● What to work on
All that should come back is the lines of the data below from the one containing "#57=IFCPRODUCTDEFINITIONSHAPE($,$,(#56));" to the one containing "#72=IFCINDEXEDPOLYGONALFACE((11,12,24,23));", inclusive, exactly as they stand.

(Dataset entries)
• • •

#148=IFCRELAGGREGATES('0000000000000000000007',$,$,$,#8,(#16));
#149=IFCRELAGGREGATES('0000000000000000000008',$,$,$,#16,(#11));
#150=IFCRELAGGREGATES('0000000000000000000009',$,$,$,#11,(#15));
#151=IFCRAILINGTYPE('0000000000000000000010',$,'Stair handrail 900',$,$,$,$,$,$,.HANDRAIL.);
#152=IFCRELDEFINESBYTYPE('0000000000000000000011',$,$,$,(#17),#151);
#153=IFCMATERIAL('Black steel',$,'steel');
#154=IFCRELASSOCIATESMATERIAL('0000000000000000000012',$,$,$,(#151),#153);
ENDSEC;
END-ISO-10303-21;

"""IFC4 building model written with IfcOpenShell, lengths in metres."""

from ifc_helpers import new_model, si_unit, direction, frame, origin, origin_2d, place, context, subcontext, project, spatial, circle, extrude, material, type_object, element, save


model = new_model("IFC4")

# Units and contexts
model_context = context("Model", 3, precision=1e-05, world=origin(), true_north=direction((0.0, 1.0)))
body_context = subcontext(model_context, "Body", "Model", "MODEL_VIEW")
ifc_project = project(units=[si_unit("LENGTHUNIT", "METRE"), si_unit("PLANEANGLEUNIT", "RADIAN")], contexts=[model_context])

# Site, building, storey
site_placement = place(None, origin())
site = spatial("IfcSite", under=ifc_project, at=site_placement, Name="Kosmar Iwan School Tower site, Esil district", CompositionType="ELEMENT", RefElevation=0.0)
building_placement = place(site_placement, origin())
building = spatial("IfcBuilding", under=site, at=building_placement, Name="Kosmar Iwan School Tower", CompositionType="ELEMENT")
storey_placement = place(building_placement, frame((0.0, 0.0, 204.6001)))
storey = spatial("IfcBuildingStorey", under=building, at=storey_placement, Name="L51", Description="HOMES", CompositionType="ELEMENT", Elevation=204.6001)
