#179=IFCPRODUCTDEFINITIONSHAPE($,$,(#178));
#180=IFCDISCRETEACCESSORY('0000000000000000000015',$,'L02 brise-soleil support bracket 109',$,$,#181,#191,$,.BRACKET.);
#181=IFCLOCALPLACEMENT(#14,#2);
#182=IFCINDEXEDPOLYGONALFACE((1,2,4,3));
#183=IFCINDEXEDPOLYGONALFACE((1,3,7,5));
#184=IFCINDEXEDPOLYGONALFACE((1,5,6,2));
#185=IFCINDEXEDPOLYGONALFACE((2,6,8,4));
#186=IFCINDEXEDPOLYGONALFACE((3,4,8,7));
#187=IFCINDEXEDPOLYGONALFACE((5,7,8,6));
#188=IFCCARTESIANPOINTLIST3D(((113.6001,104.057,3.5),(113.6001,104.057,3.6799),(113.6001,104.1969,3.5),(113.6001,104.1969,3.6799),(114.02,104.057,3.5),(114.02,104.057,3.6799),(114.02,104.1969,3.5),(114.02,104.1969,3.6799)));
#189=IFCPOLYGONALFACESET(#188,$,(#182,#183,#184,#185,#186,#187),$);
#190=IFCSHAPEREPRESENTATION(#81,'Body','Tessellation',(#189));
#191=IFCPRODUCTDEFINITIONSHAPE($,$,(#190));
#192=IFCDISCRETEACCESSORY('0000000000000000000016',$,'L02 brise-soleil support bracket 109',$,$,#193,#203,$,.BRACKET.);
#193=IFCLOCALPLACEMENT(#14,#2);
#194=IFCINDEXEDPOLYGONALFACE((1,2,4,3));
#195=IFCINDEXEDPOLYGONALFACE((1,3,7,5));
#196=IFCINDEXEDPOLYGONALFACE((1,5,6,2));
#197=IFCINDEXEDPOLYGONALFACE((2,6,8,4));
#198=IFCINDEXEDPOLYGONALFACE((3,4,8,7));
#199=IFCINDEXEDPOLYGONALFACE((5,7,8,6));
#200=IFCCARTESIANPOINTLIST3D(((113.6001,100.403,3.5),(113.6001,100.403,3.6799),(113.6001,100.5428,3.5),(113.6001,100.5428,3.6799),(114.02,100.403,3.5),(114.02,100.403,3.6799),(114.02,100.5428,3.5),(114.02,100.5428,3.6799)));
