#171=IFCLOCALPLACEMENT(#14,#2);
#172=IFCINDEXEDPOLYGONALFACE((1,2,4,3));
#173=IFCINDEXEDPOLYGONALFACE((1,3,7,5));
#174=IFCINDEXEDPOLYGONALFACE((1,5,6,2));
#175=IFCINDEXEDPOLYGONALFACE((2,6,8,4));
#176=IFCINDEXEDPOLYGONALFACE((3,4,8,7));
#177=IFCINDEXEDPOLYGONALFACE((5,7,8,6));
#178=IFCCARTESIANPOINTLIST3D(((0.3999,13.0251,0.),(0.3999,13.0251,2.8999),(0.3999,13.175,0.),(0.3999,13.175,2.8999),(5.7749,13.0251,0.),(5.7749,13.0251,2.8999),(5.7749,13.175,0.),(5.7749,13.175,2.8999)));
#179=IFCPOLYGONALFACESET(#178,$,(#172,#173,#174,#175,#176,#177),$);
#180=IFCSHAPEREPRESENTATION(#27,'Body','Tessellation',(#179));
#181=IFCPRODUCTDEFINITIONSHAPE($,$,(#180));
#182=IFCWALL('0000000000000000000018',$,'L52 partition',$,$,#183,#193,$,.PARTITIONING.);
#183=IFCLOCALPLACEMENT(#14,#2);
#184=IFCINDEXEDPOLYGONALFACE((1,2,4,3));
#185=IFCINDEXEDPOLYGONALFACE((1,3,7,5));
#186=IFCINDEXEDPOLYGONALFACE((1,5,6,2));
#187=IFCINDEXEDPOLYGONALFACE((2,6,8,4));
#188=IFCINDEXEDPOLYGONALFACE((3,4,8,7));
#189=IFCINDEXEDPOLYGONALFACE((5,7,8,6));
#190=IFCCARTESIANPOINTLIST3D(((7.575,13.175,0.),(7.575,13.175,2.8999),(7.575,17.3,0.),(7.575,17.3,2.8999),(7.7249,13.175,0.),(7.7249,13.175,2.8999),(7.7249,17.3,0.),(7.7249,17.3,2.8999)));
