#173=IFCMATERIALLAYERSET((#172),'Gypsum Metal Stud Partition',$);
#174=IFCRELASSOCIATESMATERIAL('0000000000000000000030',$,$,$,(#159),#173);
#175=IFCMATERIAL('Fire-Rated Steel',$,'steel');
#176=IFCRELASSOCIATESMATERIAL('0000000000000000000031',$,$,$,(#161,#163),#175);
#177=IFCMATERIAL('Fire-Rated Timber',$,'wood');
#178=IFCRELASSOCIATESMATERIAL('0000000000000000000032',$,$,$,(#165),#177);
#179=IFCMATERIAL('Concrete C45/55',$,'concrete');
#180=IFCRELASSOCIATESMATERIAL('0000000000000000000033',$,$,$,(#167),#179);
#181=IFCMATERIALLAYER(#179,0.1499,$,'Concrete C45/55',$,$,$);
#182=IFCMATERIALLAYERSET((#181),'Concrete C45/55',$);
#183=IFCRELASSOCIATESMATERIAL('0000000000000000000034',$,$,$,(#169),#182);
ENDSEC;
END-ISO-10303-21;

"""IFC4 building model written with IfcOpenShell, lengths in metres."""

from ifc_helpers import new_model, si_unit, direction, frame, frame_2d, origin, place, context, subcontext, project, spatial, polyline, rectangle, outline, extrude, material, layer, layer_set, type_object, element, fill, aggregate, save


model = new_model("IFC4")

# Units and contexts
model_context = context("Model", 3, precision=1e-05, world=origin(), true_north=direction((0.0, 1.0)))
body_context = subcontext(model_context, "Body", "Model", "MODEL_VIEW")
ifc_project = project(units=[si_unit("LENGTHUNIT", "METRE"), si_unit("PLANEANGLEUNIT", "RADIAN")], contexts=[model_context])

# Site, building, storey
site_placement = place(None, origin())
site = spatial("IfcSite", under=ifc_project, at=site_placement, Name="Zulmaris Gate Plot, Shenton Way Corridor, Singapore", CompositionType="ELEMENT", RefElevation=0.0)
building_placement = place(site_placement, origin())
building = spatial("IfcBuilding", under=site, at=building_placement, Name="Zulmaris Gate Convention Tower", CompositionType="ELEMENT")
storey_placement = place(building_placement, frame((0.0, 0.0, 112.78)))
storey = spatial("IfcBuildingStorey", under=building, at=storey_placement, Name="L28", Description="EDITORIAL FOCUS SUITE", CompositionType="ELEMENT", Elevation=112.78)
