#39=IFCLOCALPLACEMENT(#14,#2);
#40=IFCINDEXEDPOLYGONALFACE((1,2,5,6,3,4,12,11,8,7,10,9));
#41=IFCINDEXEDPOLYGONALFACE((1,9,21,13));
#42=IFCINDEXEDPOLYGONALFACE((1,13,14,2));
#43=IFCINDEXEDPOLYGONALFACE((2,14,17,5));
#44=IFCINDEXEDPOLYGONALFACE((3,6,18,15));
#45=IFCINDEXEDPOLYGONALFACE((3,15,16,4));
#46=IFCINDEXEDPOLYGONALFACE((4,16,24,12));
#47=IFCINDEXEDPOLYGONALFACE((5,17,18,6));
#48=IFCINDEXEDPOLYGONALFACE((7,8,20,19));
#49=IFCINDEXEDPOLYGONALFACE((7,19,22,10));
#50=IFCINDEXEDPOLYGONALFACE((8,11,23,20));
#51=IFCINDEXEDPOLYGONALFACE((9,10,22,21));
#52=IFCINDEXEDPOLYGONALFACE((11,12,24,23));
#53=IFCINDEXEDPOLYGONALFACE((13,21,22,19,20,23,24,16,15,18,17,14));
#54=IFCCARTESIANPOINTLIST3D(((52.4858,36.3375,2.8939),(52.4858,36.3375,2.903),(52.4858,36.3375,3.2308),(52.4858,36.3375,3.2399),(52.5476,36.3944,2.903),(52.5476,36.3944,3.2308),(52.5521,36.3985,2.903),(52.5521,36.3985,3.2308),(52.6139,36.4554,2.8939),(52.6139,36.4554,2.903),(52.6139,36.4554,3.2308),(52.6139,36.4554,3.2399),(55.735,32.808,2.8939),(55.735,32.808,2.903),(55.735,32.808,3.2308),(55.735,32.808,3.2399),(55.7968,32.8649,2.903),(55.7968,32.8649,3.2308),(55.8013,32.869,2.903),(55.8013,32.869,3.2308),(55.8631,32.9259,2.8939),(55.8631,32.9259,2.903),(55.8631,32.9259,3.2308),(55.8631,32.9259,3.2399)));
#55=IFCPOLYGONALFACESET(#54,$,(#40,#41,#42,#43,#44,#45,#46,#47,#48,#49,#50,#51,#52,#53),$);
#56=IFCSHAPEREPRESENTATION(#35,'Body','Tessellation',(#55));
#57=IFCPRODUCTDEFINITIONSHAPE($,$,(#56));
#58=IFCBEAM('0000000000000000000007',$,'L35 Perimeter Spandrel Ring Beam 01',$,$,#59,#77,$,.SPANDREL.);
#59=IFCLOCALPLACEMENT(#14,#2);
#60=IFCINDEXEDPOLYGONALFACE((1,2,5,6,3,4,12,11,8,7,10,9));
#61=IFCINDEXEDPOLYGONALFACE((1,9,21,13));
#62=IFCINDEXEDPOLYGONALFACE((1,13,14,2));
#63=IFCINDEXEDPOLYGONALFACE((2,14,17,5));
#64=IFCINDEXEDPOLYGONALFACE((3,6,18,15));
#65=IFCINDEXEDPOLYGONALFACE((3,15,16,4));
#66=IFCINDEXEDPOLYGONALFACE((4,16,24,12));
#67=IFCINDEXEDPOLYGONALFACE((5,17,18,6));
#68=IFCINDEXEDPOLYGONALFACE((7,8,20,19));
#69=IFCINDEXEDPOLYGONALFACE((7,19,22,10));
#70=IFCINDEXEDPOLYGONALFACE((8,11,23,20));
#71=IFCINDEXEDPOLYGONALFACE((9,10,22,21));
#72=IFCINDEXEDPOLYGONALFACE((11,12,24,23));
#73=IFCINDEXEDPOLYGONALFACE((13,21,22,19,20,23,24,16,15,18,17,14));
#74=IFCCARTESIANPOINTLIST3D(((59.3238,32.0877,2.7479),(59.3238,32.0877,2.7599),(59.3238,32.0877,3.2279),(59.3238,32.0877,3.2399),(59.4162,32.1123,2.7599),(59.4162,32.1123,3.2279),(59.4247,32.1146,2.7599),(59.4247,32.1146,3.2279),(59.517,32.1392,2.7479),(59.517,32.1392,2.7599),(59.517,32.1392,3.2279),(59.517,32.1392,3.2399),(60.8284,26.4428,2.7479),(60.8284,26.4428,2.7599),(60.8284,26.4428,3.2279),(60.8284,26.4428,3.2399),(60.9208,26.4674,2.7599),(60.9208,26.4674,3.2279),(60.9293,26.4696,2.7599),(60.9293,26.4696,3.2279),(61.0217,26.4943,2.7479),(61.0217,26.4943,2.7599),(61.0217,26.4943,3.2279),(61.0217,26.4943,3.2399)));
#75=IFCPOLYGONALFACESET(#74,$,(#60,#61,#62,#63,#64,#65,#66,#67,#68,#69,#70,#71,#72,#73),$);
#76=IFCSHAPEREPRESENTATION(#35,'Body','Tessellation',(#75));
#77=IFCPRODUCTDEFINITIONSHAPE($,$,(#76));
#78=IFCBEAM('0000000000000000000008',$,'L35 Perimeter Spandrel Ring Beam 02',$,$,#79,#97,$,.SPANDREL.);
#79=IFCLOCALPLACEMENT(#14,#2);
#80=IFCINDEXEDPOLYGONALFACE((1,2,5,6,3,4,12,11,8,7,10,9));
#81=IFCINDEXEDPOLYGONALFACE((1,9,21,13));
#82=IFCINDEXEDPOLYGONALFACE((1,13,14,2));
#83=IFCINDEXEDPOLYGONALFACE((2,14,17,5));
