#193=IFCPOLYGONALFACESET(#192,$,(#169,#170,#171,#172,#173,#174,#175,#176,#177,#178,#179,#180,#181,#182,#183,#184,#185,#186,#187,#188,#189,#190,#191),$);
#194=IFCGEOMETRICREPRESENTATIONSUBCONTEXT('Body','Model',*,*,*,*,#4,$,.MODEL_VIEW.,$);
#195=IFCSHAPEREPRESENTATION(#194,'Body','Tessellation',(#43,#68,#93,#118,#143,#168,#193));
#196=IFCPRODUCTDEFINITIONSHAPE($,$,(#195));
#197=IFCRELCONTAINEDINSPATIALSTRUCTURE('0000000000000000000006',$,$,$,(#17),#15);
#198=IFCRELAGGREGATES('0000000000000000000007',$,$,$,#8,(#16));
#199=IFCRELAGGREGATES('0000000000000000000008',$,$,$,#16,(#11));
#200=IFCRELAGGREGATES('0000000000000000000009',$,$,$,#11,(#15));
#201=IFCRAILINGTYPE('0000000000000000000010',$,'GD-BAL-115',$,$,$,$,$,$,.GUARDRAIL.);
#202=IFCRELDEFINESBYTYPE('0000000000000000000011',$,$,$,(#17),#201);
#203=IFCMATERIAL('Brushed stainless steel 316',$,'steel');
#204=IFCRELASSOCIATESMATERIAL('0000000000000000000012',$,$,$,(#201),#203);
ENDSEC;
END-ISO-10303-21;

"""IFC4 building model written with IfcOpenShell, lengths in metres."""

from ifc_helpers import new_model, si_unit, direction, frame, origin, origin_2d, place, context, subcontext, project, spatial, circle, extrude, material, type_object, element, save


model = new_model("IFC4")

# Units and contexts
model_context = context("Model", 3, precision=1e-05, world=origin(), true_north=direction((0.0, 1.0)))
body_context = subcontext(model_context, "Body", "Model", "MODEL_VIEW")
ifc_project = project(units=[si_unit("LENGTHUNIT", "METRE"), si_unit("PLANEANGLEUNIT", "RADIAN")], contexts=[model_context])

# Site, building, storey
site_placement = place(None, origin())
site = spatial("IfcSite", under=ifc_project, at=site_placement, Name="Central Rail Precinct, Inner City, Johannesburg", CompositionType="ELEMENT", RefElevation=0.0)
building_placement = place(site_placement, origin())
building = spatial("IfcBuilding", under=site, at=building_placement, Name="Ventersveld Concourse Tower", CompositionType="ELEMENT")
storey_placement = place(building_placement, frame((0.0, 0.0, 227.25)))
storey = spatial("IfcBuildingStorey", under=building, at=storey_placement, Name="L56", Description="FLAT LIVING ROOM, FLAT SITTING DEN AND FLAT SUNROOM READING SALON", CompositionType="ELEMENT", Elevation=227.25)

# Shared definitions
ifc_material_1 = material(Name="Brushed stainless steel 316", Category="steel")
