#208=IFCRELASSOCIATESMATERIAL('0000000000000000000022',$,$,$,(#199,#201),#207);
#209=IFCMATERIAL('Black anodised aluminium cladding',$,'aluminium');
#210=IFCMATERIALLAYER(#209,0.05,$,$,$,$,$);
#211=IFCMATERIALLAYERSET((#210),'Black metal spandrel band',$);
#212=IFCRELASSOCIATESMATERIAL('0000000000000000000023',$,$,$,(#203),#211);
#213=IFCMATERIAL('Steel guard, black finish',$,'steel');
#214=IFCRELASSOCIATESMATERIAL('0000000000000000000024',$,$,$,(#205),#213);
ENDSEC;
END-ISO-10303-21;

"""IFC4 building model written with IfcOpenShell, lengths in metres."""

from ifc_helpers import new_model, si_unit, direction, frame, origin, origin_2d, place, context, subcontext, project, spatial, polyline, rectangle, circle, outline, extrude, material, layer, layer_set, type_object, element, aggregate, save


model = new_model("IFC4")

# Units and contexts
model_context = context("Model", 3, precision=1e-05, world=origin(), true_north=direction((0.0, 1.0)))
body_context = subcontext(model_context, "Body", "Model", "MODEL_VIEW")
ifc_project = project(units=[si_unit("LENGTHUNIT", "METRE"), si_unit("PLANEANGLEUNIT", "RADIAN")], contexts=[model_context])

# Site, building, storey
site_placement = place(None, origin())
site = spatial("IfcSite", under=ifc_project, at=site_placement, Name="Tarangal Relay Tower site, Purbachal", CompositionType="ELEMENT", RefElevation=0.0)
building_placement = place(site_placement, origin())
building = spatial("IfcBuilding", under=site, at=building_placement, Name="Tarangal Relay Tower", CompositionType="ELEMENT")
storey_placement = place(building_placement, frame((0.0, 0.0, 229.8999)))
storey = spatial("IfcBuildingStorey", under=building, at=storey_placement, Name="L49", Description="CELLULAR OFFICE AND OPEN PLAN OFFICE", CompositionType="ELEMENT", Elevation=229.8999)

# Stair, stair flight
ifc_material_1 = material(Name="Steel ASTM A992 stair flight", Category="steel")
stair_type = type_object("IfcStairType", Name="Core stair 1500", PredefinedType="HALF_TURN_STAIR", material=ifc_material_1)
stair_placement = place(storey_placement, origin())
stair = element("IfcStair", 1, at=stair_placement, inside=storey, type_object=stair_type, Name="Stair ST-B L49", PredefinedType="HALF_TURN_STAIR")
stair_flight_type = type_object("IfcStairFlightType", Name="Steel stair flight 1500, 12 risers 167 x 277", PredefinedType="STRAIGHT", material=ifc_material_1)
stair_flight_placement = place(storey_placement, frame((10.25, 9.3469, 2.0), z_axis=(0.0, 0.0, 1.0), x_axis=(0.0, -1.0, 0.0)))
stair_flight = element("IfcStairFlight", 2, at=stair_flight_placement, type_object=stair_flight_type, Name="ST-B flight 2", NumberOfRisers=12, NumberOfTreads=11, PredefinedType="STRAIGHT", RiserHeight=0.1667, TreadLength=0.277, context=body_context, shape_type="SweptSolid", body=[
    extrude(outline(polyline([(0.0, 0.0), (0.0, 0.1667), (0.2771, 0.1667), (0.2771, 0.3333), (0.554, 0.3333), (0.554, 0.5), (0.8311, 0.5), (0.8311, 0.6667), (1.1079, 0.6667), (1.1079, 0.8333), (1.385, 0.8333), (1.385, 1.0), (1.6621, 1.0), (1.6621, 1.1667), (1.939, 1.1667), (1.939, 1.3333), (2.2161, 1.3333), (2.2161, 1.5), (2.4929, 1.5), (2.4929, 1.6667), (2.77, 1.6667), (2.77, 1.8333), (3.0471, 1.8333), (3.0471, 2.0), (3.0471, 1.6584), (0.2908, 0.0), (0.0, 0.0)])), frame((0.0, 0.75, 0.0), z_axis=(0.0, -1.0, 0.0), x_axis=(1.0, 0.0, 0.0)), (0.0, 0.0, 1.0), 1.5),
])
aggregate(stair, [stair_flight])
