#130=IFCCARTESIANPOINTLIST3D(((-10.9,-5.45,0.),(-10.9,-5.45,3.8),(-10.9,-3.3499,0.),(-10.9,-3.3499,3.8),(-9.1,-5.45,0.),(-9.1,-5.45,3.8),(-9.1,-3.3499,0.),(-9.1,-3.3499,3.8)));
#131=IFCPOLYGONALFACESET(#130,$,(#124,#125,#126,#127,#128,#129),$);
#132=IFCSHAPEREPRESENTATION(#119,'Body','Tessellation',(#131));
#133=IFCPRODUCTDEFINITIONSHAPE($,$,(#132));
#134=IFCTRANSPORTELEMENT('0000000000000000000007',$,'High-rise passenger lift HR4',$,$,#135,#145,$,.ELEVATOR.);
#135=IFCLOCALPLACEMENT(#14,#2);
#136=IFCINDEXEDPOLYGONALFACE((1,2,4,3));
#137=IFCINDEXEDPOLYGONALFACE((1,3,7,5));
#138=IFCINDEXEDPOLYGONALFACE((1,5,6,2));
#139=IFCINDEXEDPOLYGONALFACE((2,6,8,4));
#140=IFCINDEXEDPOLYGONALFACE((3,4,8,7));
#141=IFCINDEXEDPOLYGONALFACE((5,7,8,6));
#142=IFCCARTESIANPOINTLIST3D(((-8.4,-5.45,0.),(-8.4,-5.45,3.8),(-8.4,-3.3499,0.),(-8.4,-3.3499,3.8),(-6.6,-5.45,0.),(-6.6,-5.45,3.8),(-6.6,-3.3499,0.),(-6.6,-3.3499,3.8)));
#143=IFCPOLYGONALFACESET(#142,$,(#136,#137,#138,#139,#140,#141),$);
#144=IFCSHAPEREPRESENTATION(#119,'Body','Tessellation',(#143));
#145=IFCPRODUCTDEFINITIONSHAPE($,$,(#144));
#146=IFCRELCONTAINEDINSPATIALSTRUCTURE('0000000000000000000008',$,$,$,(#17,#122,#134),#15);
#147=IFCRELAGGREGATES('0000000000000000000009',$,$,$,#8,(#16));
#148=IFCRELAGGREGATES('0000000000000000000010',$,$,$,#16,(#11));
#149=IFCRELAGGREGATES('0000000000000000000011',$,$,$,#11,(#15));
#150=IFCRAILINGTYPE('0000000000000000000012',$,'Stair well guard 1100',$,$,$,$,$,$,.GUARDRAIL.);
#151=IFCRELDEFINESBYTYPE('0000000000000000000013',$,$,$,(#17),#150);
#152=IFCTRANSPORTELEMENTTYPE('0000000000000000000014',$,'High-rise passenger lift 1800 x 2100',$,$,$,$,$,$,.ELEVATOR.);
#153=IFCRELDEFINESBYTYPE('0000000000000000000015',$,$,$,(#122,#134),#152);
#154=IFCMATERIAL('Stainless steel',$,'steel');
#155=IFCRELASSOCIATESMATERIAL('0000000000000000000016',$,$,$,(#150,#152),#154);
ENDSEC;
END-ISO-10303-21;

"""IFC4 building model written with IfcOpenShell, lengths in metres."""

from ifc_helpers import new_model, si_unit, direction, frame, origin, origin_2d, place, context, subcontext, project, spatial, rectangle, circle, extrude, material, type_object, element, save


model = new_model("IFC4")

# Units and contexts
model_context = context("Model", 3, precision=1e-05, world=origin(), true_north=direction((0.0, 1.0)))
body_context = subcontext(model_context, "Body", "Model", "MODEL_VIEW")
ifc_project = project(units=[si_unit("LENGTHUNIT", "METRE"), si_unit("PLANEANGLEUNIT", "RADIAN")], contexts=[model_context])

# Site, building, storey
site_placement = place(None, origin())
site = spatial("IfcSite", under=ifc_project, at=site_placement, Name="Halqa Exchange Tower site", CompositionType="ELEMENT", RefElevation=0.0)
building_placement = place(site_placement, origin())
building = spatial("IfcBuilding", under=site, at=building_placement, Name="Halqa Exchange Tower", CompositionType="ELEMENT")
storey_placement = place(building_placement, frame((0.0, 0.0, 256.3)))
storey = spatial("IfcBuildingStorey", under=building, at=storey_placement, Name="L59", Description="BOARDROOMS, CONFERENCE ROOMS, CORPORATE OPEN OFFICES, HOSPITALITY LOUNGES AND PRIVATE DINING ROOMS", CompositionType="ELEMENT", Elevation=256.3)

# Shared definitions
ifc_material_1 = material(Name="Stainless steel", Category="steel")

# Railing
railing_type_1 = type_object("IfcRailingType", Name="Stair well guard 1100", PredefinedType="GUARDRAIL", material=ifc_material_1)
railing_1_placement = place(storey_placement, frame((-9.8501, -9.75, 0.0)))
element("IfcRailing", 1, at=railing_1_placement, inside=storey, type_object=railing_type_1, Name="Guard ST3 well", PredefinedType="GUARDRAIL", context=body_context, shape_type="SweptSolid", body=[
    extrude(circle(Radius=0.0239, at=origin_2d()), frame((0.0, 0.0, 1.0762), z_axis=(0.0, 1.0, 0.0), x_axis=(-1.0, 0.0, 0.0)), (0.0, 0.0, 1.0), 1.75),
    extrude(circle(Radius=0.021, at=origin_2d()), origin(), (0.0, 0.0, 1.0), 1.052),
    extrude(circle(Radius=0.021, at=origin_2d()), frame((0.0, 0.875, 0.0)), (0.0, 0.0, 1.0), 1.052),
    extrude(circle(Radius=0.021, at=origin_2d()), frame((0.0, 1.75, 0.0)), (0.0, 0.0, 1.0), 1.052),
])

• • •

● Answer for the task
#57=IFCPRODUCTDEFINITIONSHAPE($,$,(#56));
#58=IFCBEAM('0000000000000000000007',$,'L35 Perimeter Spandrel Ring Beam 01',$,$,#59,#77,$,.SPANDREL.);
#59=IFCLOCALPLACEMENT(#14,#2);
#60=IFCINDEXEDPOLYGONALFACE((1,2,5,6,3,4,12,11,8,7,10,9));
#61=IFCINDEXEDPOLYGONALFACE((1,9,21,13));
#62=IFCINDEXEDPOLYGONALFACE((1,13,14,2));
#63=IFCINDEXEDPOLYGONALFACE((2,14,17,5));
#64=IFCINDEXEDPOLYGONALFACE((3,6,18,15));
#65=IFCINDEXEDPOLYGONALFACE((3,15,16,4));
#66=IFCINDEXEDPOLYGONALFACE((4,16,24,12));
#67=IFCINDEXEDPOLYGONALFACE((5,17,18,6));
#68=IFCINDEXEDPOLYGONALFACE((7,8,20,19));
#69=IFCINDEXEDPOLYGONALFACE((7,19,22,10));
#70=IFCINDEXEDPOLYGONALFACE((8,11,23,20));
#71=IFCINDEXEDPOLYGONALFACE((9,10,22,21));
#72=IFCINDEXEDPOLYGONALFACE((11,12,24,23));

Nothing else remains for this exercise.